Recorded information below:
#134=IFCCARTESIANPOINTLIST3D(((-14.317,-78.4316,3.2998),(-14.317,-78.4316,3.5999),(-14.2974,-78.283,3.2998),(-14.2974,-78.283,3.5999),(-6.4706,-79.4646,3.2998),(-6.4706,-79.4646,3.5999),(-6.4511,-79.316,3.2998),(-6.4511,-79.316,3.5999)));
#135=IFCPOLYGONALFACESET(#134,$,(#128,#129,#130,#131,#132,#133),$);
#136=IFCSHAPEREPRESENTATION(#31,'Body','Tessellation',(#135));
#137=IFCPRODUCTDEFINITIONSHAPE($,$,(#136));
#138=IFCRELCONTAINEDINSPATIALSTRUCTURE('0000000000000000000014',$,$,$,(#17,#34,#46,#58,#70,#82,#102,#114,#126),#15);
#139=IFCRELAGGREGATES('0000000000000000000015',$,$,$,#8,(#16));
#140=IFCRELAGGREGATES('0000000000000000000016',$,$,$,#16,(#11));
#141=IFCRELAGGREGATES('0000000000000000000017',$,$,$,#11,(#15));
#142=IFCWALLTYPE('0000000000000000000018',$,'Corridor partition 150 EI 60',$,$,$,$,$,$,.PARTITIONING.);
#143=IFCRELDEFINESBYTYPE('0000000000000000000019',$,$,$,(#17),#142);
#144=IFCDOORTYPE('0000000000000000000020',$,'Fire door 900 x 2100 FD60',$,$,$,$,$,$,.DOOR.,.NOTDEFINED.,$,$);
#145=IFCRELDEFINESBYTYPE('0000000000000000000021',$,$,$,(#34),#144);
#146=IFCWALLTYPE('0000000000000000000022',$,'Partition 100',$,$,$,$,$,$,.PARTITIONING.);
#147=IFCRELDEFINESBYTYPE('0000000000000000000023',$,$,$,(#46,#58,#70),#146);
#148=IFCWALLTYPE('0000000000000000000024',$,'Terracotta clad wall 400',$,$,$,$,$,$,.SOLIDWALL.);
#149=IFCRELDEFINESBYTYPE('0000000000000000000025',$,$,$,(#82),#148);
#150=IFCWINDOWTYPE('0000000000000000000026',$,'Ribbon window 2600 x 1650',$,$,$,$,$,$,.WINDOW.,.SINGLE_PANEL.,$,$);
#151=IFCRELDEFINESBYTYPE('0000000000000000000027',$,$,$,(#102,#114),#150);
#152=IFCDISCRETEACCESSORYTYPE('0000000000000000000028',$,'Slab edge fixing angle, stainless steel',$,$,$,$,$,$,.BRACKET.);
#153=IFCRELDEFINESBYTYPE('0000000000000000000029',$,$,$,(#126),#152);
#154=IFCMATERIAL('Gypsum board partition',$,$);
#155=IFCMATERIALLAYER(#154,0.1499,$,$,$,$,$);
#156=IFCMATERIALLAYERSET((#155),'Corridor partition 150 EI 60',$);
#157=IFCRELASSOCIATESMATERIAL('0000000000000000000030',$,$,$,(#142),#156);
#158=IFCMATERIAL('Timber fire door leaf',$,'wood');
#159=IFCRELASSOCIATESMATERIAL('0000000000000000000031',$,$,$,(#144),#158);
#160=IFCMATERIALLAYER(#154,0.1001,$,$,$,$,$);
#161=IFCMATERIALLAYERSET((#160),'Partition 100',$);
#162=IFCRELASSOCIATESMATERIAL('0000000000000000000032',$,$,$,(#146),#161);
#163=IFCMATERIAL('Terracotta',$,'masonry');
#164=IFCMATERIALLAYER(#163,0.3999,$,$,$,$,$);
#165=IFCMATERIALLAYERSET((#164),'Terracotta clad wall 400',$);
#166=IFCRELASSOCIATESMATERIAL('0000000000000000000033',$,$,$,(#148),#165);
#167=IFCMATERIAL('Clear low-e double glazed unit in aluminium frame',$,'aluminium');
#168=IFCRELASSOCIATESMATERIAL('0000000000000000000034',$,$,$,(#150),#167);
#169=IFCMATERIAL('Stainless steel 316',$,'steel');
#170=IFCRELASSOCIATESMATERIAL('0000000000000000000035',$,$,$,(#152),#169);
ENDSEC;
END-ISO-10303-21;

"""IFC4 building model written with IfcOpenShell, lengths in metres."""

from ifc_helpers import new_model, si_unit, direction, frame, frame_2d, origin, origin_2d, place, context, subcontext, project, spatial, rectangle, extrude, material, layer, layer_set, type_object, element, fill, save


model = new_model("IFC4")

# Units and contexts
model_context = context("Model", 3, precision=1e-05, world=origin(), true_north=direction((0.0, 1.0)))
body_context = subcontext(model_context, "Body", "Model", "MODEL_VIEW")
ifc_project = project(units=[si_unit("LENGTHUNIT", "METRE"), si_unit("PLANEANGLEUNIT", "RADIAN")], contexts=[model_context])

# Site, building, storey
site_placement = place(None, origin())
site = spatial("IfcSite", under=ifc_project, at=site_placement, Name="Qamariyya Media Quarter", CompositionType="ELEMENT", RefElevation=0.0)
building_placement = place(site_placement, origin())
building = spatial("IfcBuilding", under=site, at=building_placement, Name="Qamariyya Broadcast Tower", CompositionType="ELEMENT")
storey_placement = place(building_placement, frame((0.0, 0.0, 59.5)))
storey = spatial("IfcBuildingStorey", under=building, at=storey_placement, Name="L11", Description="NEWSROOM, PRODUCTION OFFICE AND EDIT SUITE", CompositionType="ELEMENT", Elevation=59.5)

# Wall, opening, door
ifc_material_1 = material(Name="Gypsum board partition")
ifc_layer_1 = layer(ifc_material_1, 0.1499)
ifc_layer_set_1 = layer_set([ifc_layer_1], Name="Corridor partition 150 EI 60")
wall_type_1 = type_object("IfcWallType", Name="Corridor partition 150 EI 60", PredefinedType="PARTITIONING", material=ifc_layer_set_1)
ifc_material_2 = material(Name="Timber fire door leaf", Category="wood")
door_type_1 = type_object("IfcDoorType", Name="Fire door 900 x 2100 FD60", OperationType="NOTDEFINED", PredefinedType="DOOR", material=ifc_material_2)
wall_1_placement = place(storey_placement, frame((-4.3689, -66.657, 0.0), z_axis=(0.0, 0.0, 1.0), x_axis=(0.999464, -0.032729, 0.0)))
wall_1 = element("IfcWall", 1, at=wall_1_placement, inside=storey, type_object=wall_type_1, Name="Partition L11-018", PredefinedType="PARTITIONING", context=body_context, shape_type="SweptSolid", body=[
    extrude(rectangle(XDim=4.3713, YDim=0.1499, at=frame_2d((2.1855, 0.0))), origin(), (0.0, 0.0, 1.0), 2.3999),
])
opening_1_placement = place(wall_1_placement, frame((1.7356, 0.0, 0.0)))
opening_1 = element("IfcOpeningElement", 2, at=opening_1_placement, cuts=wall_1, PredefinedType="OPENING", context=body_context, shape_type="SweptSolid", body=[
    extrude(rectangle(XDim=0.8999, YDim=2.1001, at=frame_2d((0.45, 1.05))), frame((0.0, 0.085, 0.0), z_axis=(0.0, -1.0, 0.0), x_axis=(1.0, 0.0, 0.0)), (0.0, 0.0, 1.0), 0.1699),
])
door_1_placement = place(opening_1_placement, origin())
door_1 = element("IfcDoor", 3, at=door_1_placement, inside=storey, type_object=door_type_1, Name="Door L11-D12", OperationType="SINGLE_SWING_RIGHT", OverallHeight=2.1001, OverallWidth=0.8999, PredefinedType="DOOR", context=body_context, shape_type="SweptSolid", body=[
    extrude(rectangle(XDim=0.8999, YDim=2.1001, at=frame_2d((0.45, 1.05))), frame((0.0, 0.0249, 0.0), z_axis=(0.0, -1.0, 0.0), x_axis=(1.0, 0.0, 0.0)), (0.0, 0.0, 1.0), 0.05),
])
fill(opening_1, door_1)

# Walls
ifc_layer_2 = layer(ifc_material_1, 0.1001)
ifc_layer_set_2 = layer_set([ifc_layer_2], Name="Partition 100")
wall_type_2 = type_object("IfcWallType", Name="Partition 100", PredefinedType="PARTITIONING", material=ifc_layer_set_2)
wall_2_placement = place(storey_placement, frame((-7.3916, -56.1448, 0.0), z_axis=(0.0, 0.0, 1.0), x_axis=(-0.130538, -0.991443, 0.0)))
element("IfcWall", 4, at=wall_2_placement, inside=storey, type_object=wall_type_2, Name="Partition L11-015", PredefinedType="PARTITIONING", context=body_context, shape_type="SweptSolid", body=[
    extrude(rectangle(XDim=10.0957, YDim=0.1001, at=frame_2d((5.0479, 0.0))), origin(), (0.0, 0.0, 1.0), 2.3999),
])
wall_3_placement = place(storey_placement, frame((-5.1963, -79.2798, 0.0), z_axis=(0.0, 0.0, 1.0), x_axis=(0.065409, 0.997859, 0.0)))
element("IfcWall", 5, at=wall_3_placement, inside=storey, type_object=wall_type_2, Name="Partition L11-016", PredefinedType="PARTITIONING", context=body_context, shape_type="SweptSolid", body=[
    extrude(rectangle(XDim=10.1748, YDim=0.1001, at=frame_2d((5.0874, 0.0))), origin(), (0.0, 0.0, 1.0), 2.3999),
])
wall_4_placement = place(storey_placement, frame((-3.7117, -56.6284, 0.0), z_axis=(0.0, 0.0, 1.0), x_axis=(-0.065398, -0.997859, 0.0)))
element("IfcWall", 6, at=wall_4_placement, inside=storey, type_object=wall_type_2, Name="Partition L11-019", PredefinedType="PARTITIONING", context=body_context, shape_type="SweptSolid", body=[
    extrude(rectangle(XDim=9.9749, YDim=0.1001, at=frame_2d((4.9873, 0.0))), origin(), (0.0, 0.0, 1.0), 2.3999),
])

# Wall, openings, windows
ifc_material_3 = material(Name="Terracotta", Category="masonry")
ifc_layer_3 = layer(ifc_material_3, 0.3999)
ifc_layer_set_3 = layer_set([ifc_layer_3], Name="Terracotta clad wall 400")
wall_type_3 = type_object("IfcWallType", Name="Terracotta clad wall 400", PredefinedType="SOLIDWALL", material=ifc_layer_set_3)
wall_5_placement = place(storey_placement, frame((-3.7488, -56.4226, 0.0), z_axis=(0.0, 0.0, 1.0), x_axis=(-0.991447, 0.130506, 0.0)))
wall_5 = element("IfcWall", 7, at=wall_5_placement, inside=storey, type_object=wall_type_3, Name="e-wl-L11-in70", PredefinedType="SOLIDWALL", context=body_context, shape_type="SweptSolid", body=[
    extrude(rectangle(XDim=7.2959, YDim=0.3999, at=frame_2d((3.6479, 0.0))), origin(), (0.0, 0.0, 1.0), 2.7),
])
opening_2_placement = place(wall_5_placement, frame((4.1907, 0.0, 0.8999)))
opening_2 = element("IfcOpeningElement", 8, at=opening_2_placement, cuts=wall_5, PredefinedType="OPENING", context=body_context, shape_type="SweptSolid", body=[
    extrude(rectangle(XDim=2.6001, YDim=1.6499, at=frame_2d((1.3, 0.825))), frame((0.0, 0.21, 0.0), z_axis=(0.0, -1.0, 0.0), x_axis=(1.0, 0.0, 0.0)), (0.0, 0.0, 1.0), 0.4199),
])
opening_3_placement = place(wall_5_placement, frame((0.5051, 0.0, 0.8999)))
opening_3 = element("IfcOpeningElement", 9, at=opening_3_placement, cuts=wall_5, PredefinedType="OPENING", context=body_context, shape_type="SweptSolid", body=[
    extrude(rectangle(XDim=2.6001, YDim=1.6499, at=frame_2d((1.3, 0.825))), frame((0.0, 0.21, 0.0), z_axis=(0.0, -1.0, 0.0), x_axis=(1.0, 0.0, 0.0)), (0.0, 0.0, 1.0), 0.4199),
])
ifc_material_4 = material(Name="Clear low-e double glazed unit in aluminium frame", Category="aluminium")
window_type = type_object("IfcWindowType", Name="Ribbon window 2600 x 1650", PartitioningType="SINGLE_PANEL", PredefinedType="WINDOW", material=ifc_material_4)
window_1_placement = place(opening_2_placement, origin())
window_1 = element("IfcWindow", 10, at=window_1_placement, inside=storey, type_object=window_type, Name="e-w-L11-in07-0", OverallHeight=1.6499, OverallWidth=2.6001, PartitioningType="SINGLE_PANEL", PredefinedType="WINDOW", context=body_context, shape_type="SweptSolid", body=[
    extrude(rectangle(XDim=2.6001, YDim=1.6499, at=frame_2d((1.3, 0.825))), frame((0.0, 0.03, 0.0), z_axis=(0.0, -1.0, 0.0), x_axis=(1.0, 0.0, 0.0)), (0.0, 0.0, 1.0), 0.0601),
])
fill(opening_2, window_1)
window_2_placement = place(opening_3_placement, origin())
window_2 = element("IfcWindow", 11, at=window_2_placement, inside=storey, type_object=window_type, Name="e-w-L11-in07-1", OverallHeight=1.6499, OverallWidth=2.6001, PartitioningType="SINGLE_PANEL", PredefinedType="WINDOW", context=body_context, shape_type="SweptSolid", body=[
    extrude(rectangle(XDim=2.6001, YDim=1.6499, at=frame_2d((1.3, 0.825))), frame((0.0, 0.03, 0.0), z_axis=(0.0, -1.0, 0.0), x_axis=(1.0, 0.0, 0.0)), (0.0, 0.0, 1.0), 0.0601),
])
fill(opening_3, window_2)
End of Recorded information.
# Task to carry out
Your task is to retype the entries verbatim, starting with the line that holds "site_placement = place(None, origin())" and stopping after the line that holds "frame((1.7356, 0.0, 0.0)))".

# Written response
site_placement = place(None, origin())
site = spatial("IfcSite", under=ifc_project, at=site_placement, Name="Qamariyya Media Quarter", CompositionType="ELEMENT", RefElevation=0.0)
building_placement = place(site_placement, origin())
building = spatial("IfcBuilding", under=site, at=building_placement, Name="Qamariyya Broadcast Tower", CompositionType="ELEMENT")
storey_placement = place(building_placement, frame((0.0, 0.0, 59.5)))
storey = spatial("IfcBuildingStorey", under=building, at=storey_placement, Name="L11", Description="NEWSROOM, PRODUCTION OFFICE AND EDIT SUITE", CompositionType="ELEMENT", Elevation=59.5)

# Wall, opening, door
ifc_material_1 = material(Name="Gypsum board partition")
ifc_layer_1 = layer(ifc_material_1, 0.1499)
ifc_layer_set_1 = layer_set([ifc_layer_1], Name="Corridor partition 150 EI 60")
wall_type_1 = type_object("IfcWallType", Name="Corridor partition 150 EI 60", PredefinedType="PARTITIONING", material=ifc_layer_set_1)
ifc_material_2 = material(Name="Timber fire door leaf", Category="wood")
door_type_1 = type_object("IfcDoorType", Name="Fire door 900 x 2100 FD60", OperationType="NOTDEFINED", PredefinedType="DOOR", material=ifc_material_2)
wall_1_placement = place(storey_placement, frame((-4.3689, -66.657, 0.0), z_axis=(0.0, 0.0, 1.0), x_axis=(0.999464, -0.032729, 0.0)))
wall_1 = element("IfcWall", 1, at=wall_1_placement, inside=storey, type_object=wall_type_1, Name="Partition L11-018", PredefinedType="PARTITIONING", context=body_context, shape_type="SweptSolid", body=[
    extrude(rectangle(XDim=4.3713, YDim=0.1499, at=frame_2d((2.1855, 0.0))), origin(), (0.0, 0.0, 1.0), 2.3999),
])
opening_1_placement = place(wall_1_placement, frame((1.7356, 0.0, 0.0)))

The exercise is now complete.